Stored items
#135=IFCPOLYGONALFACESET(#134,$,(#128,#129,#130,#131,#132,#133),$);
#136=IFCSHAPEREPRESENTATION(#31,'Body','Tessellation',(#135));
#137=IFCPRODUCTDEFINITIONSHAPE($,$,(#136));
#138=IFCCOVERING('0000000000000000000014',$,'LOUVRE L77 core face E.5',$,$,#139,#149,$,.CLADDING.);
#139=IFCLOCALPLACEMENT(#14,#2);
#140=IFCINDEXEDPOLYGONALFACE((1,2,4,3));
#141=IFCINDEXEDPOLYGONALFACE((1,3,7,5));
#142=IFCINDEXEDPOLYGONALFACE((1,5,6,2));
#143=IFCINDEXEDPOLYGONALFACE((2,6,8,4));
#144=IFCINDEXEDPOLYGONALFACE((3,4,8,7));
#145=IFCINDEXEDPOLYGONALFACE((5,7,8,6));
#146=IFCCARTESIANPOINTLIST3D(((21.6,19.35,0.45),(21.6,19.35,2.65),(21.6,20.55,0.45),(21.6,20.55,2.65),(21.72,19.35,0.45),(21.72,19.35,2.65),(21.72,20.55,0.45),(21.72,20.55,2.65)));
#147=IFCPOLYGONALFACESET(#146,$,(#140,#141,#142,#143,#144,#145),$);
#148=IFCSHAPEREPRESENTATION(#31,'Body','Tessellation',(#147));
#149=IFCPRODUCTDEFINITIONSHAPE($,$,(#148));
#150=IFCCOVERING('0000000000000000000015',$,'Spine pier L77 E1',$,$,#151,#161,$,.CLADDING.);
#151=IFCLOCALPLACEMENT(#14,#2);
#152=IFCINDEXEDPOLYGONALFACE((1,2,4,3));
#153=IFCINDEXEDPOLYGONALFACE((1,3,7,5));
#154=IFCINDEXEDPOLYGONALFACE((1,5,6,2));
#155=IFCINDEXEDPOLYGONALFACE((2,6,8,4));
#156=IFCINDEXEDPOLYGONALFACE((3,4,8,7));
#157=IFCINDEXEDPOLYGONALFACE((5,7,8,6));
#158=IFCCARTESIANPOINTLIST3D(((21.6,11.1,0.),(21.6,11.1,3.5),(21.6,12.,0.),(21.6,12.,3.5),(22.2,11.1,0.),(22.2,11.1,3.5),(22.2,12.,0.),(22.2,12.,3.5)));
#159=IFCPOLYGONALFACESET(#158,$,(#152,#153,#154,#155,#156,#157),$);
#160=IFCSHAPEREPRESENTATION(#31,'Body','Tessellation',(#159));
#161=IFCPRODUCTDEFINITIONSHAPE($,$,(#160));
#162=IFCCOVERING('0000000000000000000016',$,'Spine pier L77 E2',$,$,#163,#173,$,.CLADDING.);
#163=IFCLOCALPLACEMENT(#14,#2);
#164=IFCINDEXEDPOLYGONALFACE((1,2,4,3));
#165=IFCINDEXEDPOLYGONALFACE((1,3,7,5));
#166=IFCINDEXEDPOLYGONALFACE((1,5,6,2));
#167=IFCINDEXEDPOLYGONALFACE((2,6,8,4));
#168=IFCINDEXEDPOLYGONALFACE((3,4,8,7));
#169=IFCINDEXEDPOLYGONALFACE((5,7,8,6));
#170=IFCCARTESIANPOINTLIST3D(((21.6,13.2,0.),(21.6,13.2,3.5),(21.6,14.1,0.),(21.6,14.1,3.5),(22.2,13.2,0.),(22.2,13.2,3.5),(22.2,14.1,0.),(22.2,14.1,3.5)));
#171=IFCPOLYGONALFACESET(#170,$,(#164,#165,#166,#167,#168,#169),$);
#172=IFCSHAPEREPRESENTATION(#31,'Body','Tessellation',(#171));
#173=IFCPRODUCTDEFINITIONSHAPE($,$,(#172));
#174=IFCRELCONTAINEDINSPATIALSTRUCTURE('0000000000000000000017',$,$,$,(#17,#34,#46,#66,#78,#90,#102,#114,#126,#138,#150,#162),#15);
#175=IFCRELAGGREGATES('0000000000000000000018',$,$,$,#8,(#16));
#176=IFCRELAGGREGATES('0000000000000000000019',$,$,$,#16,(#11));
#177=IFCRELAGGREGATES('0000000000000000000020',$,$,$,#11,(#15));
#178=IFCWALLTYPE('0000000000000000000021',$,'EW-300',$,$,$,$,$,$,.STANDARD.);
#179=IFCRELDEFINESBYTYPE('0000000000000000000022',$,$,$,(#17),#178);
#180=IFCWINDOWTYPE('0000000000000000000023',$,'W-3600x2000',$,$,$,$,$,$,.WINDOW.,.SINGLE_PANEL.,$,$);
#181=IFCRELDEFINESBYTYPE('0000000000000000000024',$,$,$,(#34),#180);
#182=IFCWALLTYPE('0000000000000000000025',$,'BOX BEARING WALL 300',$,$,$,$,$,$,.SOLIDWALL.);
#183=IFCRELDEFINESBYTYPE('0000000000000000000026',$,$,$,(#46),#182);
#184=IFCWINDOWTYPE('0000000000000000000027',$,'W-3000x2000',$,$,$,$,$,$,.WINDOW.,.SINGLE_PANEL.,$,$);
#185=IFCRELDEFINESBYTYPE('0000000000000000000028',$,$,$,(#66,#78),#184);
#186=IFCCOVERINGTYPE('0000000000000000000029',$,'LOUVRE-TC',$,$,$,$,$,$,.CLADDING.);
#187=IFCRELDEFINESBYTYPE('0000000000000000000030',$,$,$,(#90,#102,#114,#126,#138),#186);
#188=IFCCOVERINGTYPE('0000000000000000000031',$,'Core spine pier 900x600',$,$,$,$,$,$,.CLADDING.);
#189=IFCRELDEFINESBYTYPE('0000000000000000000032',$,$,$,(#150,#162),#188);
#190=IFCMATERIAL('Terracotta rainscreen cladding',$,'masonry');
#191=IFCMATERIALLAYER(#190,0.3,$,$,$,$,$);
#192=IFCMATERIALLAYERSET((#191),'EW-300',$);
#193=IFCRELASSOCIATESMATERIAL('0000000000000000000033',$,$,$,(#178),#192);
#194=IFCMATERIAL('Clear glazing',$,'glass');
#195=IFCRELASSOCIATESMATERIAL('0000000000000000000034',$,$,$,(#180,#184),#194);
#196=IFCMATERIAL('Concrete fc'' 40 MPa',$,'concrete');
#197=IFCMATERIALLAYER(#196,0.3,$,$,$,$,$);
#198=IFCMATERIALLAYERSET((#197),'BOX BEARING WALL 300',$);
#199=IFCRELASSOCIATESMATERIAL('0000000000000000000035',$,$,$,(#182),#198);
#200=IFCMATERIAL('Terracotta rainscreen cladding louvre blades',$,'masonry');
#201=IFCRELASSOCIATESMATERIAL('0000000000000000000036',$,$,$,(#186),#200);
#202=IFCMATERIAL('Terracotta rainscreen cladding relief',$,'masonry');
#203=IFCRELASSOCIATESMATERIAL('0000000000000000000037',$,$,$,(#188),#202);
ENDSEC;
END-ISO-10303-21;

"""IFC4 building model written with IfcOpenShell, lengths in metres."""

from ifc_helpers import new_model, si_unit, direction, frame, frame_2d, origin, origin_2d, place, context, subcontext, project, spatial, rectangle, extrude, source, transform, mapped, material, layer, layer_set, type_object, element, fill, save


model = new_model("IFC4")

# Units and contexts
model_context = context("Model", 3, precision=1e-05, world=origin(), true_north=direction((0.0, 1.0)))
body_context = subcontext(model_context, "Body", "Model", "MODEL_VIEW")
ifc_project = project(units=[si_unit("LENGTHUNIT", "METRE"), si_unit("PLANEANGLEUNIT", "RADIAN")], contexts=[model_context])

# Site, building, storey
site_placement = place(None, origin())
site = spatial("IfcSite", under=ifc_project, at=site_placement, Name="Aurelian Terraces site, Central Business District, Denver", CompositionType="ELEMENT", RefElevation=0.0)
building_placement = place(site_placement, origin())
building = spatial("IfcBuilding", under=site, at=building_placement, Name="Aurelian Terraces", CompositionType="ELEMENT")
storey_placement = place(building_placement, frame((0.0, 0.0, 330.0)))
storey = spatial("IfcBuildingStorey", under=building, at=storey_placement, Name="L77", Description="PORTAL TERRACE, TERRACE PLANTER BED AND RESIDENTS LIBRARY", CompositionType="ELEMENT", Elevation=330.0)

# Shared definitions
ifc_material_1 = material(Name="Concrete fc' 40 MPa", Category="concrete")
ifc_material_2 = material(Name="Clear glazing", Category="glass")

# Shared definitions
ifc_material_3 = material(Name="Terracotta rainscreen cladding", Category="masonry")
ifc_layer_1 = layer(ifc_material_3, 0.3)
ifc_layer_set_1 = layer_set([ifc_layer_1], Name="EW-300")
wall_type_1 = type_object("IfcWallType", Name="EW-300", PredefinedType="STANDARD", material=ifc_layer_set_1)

Try it:
Transcribe verbatim. Cover the lines from the first line of the entries above to the line containing "#140=IFCINDEXEDPOLYGONALFACE((1,2,4,3));", inclusive.

Answer box:
#135=IFCPOLYGONALFACESET(#134,$,(#128,#129,#130,#131,#132,#133),$);
#136=IFCSHAPEREPRESENTATION(#31,'Body','Tessellation',(#135));
#137=IFCPRODUCTDEFINITIONSHAPE($,$,(#136));
#138=IFCCOVERING('0000000000000000000014',$,'LOUVRE L77 core face E.5',$,$,#139,#149,$,.CLADDING.);
#139=IFCLOCALPLACEMENT(#14,#2);
#140=IFCINDEXEDPOLYGONALFACE((1,2,4,3));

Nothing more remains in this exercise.